::: Extracted entries

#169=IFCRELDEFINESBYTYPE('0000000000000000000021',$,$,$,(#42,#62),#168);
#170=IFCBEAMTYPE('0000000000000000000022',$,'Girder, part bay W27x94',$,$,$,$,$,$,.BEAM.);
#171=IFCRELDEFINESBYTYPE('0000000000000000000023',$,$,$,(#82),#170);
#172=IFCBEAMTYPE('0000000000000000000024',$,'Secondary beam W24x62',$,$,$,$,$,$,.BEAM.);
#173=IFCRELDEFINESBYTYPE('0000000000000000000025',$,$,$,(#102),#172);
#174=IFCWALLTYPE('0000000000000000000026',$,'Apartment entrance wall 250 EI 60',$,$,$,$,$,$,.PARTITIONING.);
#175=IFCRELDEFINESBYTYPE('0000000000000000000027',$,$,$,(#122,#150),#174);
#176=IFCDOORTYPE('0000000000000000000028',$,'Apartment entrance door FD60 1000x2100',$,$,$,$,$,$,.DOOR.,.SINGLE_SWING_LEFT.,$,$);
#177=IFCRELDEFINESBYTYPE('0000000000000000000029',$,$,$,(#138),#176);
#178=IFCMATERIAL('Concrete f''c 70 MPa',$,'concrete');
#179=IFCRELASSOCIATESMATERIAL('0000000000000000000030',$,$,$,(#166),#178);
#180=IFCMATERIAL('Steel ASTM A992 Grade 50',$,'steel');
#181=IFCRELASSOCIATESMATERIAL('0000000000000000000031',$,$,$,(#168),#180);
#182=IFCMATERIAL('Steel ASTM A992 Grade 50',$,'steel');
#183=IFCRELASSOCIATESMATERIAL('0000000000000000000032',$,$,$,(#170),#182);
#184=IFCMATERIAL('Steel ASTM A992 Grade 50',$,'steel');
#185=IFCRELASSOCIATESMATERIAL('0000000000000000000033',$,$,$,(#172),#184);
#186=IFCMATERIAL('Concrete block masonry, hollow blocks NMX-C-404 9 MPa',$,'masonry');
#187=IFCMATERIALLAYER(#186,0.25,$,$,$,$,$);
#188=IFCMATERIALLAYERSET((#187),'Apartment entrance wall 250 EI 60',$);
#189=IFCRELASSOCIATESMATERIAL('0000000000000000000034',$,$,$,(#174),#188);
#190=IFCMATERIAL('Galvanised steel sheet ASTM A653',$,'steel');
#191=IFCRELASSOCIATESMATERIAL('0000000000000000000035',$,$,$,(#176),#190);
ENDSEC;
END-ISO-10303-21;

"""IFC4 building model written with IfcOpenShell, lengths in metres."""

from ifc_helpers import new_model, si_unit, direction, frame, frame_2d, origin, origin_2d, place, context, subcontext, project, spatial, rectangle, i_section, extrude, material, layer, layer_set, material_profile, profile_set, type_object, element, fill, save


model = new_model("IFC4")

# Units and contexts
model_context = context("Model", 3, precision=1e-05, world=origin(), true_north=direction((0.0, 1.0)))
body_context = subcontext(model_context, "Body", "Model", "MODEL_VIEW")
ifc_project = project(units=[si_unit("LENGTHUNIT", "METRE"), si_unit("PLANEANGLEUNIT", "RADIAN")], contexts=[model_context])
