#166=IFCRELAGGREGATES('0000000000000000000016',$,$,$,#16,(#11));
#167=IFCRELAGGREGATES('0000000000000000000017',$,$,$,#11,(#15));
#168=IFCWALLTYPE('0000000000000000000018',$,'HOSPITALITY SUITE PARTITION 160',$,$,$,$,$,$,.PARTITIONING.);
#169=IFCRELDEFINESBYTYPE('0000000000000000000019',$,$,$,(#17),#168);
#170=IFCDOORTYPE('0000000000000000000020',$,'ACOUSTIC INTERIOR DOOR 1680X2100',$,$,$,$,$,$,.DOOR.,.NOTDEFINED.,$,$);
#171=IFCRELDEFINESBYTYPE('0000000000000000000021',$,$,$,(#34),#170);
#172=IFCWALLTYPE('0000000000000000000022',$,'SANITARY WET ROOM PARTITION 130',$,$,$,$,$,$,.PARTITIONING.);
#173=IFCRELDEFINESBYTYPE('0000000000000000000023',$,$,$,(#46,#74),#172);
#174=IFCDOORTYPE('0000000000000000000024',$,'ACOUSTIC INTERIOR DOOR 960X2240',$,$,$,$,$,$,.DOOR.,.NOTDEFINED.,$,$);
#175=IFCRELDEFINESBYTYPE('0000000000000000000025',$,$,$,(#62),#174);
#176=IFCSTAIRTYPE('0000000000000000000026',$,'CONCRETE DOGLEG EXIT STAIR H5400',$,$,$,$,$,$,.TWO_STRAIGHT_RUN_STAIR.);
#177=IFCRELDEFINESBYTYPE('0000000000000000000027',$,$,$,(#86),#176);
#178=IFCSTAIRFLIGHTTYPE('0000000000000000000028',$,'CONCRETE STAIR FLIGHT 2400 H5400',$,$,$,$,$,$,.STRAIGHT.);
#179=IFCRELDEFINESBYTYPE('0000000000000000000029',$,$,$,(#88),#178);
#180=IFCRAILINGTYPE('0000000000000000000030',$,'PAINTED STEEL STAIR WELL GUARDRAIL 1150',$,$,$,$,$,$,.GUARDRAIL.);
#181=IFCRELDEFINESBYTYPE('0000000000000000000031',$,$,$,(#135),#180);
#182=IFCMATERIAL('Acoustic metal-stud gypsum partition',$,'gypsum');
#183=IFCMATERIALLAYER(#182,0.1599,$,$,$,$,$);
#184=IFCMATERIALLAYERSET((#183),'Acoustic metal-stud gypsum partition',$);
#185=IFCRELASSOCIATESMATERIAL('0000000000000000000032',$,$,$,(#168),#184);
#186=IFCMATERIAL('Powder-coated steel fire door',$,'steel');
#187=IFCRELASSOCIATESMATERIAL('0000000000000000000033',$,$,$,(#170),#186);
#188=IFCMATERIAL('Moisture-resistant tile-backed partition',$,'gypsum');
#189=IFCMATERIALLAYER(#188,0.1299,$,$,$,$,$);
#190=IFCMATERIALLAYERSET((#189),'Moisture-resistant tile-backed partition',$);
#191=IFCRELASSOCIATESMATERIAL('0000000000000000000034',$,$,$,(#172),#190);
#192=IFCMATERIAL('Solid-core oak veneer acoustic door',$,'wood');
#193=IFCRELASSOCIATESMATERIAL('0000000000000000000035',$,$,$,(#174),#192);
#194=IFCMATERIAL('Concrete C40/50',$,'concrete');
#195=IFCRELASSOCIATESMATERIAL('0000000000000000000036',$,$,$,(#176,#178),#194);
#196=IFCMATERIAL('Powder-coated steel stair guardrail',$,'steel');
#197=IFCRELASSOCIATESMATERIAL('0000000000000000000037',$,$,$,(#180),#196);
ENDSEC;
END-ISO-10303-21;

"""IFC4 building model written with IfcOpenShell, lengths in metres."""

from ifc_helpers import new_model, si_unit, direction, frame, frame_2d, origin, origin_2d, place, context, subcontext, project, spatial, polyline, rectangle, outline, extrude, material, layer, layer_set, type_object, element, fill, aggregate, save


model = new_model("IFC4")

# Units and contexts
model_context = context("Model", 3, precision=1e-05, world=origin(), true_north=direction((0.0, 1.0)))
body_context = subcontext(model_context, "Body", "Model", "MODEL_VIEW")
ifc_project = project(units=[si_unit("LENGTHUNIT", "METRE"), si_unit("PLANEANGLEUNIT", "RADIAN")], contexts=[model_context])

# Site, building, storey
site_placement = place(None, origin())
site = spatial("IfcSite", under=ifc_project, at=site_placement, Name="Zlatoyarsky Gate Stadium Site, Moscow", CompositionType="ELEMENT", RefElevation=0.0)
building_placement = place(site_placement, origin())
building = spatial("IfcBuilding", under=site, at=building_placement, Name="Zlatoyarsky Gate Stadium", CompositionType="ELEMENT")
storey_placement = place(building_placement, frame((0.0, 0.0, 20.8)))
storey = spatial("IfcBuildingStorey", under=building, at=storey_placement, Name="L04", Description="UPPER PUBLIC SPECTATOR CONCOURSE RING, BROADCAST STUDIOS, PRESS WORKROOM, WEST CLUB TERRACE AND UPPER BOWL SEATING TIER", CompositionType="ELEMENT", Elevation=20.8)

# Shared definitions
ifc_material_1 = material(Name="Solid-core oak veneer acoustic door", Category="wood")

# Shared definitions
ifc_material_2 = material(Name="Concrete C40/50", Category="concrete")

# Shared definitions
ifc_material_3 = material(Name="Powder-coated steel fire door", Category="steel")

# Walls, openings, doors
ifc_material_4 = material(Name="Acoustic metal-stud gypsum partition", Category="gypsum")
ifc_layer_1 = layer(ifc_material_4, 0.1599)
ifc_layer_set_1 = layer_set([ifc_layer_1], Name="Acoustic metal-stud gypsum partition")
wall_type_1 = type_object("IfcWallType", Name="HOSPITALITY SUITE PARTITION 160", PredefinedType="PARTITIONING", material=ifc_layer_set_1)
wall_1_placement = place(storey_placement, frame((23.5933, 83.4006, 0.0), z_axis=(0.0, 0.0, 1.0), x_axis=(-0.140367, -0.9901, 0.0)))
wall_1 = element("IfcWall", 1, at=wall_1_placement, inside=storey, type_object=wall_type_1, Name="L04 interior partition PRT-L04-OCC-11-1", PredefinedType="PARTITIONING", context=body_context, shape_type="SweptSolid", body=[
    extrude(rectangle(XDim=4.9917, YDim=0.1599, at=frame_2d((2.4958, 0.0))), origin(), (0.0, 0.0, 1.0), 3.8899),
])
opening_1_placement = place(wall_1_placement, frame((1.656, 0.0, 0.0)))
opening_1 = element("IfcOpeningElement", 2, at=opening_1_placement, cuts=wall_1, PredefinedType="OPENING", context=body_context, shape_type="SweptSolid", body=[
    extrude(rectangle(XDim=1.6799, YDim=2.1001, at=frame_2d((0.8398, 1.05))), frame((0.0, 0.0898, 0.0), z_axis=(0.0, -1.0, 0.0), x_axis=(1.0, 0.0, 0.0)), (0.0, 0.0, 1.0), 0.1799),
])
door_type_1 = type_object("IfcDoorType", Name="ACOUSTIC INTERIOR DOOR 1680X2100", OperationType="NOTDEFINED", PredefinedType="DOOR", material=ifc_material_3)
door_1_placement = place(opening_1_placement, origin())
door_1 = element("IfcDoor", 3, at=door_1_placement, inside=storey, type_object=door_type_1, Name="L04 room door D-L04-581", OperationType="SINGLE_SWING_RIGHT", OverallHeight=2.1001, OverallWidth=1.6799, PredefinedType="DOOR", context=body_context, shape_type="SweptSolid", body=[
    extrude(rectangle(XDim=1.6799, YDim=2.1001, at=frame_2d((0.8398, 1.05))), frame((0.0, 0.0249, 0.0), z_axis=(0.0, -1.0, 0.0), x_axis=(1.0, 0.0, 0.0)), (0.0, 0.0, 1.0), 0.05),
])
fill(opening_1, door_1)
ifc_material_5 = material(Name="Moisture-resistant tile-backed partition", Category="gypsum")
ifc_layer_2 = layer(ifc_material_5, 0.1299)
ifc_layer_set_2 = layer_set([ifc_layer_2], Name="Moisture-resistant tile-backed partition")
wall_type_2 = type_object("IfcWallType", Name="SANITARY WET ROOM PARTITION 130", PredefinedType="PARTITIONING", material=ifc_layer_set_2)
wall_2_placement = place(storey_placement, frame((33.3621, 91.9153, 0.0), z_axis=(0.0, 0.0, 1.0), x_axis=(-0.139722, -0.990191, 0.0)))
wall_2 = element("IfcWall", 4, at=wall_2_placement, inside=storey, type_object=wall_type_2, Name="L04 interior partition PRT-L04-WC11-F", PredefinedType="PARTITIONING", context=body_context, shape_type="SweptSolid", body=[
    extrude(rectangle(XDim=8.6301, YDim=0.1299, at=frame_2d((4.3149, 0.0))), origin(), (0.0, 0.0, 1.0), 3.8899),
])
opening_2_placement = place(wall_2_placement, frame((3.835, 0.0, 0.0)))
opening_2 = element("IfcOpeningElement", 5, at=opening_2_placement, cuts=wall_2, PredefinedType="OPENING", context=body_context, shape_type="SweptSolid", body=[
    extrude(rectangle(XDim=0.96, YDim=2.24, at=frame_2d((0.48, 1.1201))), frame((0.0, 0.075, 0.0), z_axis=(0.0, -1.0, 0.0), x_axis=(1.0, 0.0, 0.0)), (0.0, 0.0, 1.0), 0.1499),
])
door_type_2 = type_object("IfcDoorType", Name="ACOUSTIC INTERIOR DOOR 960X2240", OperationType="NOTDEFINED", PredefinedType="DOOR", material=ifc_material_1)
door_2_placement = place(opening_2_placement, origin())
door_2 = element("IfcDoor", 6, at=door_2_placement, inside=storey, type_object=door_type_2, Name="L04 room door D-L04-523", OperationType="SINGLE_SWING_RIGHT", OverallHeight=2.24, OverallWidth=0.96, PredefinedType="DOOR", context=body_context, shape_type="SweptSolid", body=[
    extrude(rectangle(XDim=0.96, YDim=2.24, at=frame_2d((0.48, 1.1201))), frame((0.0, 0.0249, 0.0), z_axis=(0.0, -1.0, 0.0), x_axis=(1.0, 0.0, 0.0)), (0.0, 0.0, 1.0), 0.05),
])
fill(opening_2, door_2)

::::::
::: Extracted entries

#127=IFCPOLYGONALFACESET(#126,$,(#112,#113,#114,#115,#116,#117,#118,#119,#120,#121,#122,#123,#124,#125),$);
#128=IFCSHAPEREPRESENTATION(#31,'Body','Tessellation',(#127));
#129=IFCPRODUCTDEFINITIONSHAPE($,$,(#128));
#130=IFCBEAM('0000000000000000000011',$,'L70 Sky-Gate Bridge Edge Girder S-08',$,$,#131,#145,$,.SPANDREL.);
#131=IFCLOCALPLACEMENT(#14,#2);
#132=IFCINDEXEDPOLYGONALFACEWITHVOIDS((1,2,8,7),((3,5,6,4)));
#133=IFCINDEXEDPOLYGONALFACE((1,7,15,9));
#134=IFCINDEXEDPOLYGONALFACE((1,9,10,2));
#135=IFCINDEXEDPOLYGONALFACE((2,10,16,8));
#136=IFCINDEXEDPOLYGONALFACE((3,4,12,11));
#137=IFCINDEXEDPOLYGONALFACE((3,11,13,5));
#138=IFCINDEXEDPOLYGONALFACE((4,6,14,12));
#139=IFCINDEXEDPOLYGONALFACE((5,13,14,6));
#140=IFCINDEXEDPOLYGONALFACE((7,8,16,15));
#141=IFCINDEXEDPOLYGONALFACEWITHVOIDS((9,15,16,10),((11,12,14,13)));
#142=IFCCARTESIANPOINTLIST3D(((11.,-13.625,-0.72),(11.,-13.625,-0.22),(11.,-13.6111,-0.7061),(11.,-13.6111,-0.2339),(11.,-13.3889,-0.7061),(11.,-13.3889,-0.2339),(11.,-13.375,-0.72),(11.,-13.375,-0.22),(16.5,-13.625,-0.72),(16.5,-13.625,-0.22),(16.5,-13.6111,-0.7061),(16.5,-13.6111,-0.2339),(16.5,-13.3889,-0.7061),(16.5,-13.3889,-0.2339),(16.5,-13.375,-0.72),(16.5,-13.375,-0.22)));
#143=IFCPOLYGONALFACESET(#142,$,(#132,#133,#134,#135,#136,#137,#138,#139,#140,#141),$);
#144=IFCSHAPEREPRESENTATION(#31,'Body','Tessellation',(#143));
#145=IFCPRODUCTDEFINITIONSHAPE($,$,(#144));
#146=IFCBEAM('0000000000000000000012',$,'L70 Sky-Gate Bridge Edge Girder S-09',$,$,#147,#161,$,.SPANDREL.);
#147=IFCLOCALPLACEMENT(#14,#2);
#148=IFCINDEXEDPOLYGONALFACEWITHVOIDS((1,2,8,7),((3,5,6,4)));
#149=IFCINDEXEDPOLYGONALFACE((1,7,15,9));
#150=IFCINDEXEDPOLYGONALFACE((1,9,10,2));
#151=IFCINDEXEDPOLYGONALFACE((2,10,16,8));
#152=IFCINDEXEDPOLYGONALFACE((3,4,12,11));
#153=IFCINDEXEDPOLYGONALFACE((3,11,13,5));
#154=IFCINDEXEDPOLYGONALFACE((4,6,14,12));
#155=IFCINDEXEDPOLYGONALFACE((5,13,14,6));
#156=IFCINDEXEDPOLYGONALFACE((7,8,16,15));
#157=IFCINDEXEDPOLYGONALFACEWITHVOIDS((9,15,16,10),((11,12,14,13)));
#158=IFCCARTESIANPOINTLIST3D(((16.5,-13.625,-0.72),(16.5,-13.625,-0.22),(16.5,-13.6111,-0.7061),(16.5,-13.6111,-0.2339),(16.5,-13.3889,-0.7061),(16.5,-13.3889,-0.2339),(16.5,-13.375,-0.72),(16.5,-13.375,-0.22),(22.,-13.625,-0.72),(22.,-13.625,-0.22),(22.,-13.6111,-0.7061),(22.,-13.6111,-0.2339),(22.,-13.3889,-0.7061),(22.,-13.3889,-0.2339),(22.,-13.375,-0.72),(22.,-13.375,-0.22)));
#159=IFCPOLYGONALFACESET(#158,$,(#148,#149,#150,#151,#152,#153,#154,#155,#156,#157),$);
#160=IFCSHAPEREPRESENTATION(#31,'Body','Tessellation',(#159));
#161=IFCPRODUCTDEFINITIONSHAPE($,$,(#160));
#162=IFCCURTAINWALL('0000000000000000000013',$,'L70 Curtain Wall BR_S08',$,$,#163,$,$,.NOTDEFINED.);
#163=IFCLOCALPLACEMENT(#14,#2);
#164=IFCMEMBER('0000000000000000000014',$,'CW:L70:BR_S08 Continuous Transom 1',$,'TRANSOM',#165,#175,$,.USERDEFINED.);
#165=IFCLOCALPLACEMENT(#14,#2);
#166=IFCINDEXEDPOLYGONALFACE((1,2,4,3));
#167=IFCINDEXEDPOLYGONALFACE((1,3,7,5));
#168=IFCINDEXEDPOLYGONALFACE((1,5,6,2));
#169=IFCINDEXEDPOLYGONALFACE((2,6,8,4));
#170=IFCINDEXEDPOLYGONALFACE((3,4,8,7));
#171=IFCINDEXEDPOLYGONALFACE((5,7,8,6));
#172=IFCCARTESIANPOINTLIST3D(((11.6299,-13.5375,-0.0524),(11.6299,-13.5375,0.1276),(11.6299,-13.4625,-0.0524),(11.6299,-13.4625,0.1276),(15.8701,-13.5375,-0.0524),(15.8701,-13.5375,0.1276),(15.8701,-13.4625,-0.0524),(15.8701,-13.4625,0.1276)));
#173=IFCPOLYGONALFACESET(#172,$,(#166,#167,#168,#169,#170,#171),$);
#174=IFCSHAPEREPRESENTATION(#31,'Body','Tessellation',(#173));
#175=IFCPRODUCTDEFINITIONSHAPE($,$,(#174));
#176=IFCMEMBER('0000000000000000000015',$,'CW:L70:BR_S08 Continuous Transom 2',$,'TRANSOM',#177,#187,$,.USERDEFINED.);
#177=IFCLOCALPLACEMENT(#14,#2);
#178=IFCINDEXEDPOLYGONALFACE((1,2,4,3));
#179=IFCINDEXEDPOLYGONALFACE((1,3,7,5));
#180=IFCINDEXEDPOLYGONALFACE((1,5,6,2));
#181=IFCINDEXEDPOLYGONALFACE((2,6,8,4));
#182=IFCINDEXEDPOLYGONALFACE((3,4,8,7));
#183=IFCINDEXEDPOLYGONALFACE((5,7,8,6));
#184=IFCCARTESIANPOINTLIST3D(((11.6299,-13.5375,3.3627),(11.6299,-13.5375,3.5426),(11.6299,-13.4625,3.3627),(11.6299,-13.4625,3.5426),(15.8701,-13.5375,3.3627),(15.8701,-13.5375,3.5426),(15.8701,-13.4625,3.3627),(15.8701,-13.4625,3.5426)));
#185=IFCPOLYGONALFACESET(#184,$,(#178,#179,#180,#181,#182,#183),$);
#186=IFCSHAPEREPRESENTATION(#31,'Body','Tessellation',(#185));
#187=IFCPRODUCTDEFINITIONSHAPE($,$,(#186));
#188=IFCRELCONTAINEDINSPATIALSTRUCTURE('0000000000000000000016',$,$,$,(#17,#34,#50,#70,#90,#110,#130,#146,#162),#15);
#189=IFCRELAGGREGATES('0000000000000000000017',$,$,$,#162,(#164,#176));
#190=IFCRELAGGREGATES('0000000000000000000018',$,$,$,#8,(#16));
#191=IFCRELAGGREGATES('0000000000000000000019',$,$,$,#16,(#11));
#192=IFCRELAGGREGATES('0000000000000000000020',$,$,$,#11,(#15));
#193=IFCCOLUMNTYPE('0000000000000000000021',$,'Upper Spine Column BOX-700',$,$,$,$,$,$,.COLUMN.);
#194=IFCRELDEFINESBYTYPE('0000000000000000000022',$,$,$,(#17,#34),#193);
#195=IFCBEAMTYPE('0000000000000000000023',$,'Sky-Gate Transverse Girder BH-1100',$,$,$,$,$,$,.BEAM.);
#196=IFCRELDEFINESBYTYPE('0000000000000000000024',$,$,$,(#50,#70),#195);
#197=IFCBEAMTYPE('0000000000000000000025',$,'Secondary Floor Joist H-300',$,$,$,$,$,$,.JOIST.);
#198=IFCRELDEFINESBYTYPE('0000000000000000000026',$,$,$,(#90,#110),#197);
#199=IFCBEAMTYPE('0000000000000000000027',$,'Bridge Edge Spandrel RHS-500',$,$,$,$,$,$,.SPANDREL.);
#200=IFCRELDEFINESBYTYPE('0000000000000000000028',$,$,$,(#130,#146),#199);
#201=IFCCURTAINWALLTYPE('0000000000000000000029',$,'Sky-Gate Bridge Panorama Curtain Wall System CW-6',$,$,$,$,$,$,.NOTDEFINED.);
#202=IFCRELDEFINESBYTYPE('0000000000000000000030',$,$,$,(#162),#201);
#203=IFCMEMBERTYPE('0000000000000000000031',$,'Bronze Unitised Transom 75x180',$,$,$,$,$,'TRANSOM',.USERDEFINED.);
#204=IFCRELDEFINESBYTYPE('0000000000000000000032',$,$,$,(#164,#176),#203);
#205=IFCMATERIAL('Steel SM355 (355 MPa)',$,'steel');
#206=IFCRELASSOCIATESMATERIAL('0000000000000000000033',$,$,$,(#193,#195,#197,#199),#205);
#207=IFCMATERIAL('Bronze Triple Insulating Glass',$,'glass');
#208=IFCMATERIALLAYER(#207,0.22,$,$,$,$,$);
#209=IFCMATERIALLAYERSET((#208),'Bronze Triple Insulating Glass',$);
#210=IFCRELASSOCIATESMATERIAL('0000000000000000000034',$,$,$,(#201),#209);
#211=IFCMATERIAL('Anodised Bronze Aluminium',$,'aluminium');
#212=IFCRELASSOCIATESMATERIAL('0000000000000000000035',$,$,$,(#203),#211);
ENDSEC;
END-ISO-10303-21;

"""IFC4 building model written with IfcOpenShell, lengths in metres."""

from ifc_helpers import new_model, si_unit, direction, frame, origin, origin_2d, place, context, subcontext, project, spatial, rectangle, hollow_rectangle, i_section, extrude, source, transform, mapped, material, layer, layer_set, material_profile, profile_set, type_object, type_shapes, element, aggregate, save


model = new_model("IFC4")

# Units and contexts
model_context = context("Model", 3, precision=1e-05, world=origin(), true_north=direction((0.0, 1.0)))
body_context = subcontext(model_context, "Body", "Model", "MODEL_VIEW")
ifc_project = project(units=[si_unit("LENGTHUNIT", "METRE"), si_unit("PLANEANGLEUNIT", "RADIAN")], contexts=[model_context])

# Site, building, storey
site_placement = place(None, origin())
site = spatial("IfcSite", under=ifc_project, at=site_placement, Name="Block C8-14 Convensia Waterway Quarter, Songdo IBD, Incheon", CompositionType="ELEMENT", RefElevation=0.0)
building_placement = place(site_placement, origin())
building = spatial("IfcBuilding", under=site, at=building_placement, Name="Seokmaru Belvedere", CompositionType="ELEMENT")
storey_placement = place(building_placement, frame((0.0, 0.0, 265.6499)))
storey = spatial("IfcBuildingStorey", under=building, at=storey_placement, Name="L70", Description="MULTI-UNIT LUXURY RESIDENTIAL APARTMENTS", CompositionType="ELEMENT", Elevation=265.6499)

::::::

• Your instructions
Look for the string "RefElevation" in the data above and return every line that has it.

• Solution below
site = spatial("IfcSite", under=ifc_project, at=site_placement, Name="Zlatoyarsky Gate Stadium Site, Moscow", CompositionType="ELEMENT", RefElevation=0.0)
site = spatial("IfcSite", under=ifc_project, at=site_placement, Name="Block C8-14 Convensia Waterway Quarter, Songdo IBD, Incheon", CompositionType="ELEMENT", RefElevation=0.0)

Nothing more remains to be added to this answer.